» **TASK REQUIREMENTS**
Find every line below with the word "IFCSHAPEREPRESENTATION" in it, and copy each one.

-=-=-

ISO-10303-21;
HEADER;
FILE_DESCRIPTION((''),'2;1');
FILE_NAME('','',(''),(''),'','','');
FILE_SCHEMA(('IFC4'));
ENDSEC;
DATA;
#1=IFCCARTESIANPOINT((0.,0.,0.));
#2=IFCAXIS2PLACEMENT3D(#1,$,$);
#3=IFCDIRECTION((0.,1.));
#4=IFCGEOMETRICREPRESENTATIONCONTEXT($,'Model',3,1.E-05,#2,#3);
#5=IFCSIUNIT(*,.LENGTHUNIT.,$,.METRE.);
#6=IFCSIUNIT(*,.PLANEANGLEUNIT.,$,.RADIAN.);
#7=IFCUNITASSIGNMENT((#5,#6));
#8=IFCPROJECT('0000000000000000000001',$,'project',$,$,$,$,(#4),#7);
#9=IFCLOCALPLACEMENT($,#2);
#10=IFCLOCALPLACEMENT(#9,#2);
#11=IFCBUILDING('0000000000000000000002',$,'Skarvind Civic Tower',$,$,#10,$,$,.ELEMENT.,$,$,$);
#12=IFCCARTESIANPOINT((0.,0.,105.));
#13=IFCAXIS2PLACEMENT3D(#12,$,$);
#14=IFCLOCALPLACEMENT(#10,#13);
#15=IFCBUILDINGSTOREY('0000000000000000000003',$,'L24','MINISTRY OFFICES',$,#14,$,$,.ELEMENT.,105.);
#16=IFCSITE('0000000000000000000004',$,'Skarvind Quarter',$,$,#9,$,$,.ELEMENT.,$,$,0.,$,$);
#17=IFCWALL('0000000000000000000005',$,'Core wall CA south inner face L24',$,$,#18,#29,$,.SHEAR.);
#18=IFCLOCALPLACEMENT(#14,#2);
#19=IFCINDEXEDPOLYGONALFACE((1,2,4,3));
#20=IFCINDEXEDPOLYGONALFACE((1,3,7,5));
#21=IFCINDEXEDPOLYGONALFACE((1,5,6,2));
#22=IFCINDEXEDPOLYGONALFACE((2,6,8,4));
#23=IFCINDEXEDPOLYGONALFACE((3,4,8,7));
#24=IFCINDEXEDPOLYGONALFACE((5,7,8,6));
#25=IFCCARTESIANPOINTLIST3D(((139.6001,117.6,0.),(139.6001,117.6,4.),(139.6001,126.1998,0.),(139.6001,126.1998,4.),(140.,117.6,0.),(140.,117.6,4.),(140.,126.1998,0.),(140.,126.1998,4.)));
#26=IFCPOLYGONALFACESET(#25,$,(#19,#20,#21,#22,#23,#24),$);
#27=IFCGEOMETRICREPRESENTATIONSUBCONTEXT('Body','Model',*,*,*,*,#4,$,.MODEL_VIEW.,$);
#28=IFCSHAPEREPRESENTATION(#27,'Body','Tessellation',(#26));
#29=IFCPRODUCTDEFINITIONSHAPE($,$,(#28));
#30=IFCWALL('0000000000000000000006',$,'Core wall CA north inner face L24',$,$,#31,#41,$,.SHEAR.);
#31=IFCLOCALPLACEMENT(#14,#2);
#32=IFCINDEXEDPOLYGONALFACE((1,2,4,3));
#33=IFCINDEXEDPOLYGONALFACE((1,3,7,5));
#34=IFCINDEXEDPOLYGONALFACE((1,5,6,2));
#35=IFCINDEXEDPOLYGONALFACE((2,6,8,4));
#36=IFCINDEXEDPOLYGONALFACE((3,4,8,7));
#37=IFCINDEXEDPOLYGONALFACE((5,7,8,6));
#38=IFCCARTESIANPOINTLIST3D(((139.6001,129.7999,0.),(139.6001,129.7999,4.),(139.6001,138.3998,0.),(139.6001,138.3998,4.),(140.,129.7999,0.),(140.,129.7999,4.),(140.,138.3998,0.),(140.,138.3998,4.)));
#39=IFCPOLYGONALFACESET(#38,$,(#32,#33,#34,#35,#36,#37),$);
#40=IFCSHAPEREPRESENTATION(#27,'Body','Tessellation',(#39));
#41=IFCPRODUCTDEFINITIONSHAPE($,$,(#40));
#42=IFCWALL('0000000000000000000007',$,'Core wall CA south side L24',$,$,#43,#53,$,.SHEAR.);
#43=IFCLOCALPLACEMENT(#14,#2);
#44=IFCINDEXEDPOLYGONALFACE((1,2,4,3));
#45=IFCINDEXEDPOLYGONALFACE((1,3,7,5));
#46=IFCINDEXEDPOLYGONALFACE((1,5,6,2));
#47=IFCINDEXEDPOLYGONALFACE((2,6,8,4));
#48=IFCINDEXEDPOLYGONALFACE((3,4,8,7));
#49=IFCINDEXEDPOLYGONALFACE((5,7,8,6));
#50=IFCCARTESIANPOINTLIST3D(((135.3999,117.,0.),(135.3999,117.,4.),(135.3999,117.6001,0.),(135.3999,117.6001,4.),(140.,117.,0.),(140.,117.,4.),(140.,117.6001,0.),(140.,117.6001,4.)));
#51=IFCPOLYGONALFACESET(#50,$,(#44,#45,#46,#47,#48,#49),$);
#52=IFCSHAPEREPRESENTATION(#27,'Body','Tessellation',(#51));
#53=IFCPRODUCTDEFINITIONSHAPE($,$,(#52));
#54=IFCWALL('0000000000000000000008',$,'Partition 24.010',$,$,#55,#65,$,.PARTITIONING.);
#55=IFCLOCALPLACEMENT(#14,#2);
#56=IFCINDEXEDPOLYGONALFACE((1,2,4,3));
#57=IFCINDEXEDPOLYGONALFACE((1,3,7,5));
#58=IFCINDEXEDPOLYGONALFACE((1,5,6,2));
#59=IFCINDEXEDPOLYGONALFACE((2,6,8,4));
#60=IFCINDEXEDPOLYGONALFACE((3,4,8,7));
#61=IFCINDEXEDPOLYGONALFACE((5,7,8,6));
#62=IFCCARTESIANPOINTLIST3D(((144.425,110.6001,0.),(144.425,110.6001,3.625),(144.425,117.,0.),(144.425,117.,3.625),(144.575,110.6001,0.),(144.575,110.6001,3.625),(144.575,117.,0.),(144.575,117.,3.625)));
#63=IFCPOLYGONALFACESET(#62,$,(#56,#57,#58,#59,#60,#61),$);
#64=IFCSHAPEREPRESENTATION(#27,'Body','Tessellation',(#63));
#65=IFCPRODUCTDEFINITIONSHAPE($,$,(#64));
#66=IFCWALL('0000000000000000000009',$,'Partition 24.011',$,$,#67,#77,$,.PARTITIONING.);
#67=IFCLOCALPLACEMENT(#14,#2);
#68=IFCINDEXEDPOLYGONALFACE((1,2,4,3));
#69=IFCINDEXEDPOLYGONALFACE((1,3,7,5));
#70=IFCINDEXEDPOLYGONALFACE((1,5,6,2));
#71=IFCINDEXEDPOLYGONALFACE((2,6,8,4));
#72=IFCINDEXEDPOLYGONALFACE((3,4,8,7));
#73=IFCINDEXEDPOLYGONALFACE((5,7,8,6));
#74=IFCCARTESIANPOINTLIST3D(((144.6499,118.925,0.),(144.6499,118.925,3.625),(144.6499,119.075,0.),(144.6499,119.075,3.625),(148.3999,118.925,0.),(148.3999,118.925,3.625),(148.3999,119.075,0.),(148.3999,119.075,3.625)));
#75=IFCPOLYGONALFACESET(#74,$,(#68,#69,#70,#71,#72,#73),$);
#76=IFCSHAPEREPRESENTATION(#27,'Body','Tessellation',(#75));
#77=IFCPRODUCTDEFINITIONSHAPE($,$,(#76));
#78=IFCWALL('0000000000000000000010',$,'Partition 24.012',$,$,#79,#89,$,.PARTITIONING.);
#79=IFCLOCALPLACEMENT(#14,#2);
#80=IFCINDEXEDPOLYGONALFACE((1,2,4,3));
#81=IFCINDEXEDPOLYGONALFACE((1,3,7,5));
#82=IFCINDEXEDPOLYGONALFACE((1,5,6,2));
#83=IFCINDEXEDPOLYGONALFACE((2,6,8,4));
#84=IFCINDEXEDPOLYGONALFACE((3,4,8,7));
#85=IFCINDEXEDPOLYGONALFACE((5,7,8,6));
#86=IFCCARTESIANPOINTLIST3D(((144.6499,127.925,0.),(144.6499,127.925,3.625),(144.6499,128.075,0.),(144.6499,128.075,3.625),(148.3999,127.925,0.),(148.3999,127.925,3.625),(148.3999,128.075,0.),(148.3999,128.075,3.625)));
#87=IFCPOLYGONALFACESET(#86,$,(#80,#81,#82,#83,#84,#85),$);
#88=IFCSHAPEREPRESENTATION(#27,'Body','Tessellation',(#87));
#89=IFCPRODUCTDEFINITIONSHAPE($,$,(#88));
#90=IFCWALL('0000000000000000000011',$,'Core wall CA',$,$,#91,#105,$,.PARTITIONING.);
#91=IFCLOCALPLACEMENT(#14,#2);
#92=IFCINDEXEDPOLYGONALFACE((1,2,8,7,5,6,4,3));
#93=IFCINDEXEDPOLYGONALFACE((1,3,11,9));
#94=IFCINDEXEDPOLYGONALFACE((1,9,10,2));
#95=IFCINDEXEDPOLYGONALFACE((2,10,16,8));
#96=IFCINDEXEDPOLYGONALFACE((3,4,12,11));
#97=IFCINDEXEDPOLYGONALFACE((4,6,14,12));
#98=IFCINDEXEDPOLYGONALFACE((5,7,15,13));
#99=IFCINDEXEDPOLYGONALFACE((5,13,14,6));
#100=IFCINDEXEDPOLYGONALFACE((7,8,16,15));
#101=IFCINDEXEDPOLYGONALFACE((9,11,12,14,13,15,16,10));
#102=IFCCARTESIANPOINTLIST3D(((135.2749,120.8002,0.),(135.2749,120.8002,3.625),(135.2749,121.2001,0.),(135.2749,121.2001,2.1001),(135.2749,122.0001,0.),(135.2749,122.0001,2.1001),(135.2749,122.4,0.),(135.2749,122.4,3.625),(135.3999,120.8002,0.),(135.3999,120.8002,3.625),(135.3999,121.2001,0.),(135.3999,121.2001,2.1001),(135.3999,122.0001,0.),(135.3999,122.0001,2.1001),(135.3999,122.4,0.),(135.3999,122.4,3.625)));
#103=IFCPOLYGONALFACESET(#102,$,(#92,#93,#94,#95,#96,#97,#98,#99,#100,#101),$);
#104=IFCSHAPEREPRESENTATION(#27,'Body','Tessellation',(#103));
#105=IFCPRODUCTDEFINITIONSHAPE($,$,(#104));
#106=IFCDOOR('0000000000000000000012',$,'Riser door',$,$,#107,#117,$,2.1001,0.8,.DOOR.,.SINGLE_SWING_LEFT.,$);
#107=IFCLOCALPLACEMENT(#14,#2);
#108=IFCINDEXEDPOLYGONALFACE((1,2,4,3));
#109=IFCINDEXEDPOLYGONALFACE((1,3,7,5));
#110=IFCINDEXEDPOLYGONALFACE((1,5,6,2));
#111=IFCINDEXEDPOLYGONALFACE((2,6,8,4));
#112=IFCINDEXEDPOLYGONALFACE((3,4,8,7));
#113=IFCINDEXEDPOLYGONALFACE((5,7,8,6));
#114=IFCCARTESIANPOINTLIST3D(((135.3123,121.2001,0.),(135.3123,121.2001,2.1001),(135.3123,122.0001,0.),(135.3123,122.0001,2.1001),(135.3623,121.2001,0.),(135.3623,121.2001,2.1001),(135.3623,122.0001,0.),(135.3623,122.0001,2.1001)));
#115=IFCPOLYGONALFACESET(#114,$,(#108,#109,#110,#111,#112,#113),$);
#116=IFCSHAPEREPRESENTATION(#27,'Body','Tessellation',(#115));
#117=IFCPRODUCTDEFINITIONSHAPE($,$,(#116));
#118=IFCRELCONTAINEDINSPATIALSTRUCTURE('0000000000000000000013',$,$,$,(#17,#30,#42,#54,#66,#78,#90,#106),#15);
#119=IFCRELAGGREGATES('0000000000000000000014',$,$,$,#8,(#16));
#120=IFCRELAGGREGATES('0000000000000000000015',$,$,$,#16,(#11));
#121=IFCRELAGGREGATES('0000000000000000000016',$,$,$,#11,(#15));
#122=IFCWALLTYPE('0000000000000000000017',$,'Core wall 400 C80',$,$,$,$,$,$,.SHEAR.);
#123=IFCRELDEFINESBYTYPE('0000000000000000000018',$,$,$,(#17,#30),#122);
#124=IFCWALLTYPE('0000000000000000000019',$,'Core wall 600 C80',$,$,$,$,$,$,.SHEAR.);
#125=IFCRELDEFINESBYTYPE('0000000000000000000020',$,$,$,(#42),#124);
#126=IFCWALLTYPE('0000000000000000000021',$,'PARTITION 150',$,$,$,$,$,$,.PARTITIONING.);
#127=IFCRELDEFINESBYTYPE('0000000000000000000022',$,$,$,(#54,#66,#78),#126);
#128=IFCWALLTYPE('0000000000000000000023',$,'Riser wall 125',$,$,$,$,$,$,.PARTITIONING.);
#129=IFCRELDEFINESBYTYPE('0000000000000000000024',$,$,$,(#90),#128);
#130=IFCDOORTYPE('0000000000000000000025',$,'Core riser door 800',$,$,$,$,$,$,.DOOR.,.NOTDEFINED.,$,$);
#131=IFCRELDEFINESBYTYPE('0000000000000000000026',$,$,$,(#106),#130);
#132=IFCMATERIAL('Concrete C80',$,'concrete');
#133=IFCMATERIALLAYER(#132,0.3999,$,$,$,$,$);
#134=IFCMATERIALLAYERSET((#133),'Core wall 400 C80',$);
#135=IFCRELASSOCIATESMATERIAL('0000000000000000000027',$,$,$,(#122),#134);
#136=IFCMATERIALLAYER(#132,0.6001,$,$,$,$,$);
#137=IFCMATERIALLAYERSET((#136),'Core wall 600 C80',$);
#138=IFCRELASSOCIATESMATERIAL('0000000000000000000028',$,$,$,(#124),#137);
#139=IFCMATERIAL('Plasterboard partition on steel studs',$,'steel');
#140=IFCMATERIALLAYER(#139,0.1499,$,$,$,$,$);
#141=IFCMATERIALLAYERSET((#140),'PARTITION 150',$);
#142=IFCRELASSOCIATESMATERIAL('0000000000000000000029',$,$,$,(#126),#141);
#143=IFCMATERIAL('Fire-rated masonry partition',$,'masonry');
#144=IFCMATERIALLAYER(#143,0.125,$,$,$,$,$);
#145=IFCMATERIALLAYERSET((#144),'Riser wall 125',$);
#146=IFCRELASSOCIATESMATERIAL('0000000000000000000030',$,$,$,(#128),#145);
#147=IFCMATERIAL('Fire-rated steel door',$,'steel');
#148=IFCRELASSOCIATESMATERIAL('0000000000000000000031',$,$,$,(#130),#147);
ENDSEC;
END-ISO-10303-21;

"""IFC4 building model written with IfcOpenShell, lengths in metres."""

from ifc_helpers import new_model, si_unit, direction, frame, frame_2d, origin, place, context, subcontext, project, spatial, rectangle, extrude, material, layer, layer_set, type_object, element, fill, save


model = new_model("IFC4")

# Units and contexts
model_context = context("Model", 3, precision=1e-05, world=origin(), true_north=direction((0.0, 1.0)))
body_context = subcontext(model_context, "Body", "Model", "MODEL_VIEW")
ifc_project = project(units=[si_unit("LENGTHUNIT", "METRE"), si_unit("PLANEANGLEUNIT", "RADIAN")], contexts=[model_context])

# Site, building, storey
site_placement = place(None, origin())
site = spatial("IfcSite", under=ifc_project, at=site_placement, Name="Skarvind Quarter", CompositionType="ELEMENT", RefElevation=0.0)
building_placement = place(site_placement, origin())
building = spatial("IfcBuilding", under=site, at=building_placement, Name="Skarvind Civic Tower", CompositionType="ELEMENT")
storey_placement = place(building_placement, frame((0.0, 0.0, 105.0)))
storey = spatial("IfcBuildingStorey", under=building, at=storey_placement, Name="L24", Description="MINISTRY OFFICES", CompositionType="ELEMENT", Elevation=105.0)

# Shared definitions
ifc_material_1 = material(Name="Fire-rated masonry partition", Category="masonry")
ifc_material_2 = material(Name="Fire-rated steel door", Category="steel")
ifc_material_3 = material(Name="Concrete C80", Category="concrete")
ifc_layer_1 = layer(ifc_material_3, 0.3999)
ifc_layer_set_1 = layer_set([ifc_layer_1], Name="Core wall 400 C80")
wall_type_1 = type_object("IfcWallType", Name="Core wall 400 C80", PredefinedType="SHEAR", material=ifc_layer_set_1)

# Walls
for number, where, z_axis, x_axis, name in (
    (1, (139.8, 117.6001, 0.0), (0.0, 0.0, 1.0), (0.0, 1.0, 0.0), "Core wall CA south inner face L24"),
    (2, (139.8, 129.8, 0.0), (0.0, 0.0, 1.0), (0.0, 1.0, 0.0), "Core wall CA north inner face L24"),
):
    element("IfcWall", number, at=place(storey_placement, frame(where, z_axis=z_axis, x_axis=x_axis)), inside=storey, type_object=wall_type_1, Name=name, PredefinedType="SHEAR", context=body_context, shape_type="SweptSolid", body=[
        extrude(rectangle(XDim=8.5999, YDim=0.3999, at=frame_2d((4.2998, 0.0))), origin(), (0.0, 0.0, 1.0), 4.0),
    ])
ifc_layer_2 = layer(ifc_material_3, 0.6001)
ifc_layer_set_2 = layer_set([ifc_layer_2], Name="Core wall 600 C80")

-=-=-

» **ANSWER TO THE PROBLEM**
#28=IFCSHAPEREPRESENTATION(#27,'Body','Tessellation',(#26));
#40=IFCSHAPEREPRESENTATION(#27,'Body','Tessellation',(#39));
#52=IFCSHAPEREPRESENTATION(#27,'Body','Tessellation',(#51));
#64=IFCSHAPEREPRESENTATION(#27,'Body','Tessellation',(#63));
#76=IFCSHAPEREPRESENTATION(#27,'Body','Tessellation',(#75));
#88=IFCSHAPEREPRESENTATION(#27,'Body','Tessellation',(#87));
#104=IFCSHAPEREPRESENTATION(#27,'Body','Tessellation',(#103));
#116=IFCSHAPEREPRESENTATION(#27,'Body','Tessellation',(#115));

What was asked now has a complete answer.